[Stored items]

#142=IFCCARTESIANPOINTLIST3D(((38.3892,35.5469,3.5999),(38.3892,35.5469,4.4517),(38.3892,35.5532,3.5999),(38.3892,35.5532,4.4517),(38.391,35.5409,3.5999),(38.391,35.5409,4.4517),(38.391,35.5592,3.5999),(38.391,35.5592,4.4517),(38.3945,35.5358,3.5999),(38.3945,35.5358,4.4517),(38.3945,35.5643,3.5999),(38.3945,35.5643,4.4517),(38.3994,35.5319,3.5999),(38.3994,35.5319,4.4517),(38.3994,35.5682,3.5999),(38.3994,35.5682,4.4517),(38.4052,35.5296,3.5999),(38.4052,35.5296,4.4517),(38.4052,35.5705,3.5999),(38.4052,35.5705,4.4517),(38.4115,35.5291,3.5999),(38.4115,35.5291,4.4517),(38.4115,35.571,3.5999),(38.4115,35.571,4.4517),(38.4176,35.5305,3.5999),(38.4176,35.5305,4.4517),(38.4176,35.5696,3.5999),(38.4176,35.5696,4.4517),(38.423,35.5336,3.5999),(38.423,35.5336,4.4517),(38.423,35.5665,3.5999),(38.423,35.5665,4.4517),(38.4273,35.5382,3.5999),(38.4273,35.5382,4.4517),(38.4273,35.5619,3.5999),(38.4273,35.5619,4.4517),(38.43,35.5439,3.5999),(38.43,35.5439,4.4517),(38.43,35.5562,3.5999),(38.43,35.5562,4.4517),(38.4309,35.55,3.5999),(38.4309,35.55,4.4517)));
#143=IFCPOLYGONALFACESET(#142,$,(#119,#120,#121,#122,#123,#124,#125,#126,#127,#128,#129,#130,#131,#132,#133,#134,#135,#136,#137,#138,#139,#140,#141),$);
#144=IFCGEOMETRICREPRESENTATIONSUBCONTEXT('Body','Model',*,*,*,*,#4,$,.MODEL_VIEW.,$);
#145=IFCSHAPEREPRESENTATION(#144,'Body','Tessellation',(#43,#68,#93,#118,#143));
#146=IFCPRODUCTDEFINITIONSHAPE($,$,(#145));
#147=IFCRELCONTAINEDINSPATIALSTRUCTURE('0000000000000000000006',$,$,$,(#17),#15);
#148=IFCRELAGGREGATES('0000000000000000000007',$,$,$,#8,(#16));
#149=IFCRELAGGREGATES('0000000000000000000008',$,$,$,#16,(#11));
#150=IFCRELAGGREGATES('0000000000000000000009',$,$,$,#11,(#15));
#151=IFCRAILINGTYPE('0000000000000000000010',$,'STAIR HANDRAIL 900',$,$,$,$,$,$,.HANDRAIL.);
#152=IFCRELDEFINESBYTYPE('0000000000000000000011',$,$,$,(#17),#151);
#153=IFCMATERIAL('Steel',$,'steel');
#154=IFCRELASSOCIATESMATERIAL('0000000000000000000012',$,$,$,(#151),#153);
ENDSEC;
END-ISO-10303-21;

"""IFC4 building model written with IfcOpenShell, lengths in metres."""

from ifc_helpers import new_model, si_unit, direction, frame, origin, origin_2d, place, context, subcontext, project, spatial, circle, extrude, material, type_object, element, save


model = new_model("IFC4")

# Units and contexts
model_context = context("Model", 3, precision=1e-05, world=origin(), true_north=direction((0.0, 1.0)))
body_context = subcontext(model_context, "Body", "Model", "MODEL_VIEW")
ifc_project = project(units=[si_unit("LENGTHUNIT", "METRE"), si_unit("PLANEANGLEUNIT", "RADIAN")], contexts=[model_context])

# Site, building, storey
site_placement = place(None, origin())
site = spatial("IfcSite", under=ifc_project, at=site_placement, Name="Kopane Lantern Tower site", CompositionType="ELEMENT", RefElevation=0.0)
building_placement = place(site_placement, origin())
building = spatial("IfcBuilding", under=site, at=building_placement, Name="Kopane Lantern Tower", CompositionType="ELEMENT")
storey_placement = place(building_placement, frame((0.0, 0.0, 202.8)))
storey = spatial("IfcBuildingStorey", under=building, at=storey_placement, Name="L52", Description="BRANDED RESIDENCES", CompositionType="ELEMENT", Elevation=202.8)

_Exercise:_ Which of the lines above carry the string "Name"? Copy every one.

_Answer section:_
site = spatial("IfcSite", under=ifc_project, at=site_placement, Name="Kopane Lantern Tower site", CompositionType="ELEMENT", RefElevation=0.0)
building = spatial("IfcBuilding", under=site, at=building_placement, Name="Kopane Lantern Tower", CompositionType="ELEMENT")
storey = spatial("IfcBuildingStorey", under=building, at=storey_placement, Name="L52", Description="BRANDED RESIDENCES", CompositionType="ELEMENT", Elevation=202.8)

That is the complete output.